[Data items]

╔══

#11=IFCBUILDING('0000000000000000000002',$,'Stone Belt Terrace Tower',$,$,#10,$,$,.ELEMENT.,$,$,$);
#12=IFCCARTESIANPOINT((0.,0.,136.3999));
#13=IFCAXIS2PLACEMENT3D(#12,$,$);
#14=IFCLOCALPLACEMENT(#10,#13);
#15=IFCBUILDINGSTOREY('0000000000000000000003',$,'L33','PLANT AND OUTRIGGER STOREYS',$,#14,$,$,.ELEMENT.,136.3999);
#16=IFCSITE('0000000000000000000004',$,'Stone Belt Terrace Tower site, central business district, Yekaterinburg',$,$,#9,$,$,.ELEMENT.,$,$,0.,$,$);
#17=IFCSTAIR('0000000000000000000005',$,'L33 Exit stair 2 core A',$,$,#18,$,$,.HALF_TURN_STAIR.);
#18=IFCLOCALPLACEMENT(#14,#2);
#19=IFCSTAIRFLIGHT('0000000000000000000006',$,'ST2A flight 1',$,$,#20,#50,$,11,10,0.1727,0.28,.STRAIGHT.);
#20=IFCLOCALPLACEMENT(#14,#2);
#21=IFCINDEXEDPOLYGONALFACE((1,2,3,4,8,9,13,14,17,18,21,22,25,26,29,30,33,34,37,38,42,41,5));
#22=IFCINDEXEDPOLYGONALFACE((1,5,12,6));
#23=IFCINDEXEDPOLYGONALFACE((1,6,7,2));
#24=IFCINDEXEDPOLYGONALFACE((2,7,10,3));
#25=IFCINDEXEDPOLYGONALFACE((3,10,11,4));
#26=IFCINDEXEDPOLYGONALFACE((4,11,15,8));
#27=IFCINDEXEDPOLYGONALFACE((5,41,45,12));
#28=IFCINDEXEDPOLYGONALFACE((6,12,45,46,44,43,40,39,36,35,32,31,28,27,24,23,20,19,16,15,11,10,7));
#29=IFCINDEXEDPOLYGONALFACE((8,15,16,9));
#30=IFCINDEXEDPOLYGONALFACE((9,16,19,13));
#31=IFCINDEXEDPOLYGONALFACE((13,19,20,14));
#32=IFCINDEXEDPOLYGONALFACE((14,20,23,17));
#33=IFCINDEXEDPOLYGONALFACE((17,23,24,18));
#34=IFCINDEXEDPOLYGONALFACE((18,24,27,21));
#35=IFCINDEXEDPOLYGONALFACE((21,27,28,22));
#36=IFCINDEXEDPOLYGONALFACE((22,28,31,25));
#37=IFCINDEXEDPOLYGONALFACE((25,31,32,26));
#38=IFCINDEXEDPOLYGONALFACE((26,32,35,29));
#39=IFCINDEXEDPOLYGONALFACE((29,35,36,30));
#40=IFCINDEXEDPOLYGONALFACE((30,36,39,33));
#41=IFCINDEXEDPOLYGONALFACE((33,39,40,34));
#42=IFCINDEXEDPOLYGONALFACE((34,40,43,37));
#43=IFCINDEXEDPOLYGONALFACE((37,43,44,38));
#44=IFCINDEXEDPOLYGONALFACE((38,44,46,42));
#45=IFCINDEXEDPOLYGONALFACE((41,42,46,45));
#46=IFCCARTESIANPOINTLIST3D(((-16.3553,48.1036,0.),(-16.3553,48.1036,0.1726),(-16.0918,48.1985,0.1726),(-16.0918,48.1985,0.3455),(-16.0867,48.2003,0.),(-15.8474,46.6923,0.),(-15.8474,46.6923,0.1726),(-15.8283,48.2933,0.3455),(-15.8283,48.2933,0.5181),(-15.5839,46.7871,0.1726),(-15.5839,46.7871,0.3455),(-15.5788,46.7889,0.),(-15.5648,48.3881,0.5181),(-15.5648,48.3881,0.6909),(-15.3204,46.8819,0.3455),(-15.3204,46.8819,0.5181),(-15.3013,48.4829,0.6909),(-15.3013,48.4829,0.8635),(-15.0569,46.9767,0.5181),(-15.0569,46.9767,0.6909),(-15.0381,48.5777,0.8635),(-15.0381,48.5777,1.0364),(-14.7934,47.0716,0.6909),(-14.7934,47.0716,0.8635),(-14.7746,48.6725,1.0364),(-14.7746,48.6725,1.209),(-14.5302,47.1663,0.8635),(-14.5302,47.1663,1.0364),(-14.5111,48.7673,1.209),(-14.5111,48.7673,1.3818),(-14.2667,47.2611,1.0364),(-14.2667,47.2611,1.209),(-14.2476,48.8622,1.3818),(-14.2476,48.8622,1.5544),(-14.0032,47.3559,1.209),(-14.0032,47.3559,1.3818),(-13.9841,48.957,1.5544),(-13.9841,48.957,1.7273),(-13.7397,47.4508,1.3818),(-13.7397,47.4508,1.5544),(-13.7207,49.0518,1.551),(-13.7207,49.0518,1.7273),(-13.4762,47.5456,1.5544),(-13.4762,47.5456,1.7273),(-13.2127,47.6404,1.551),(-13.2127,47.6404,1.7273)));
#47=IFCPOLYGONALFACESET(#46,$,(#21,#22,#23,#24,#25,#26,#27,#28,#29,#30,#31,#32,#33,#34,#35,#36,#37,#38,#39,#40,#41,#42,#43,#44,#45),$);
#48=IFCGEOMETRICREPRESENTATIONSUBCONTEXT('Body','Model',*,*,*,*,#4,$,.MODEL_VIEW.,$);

╚══

__Task prompt__
Work out how many lines in the records above hold the string "ELEMENT", then give only that count.

__Exercise output__
3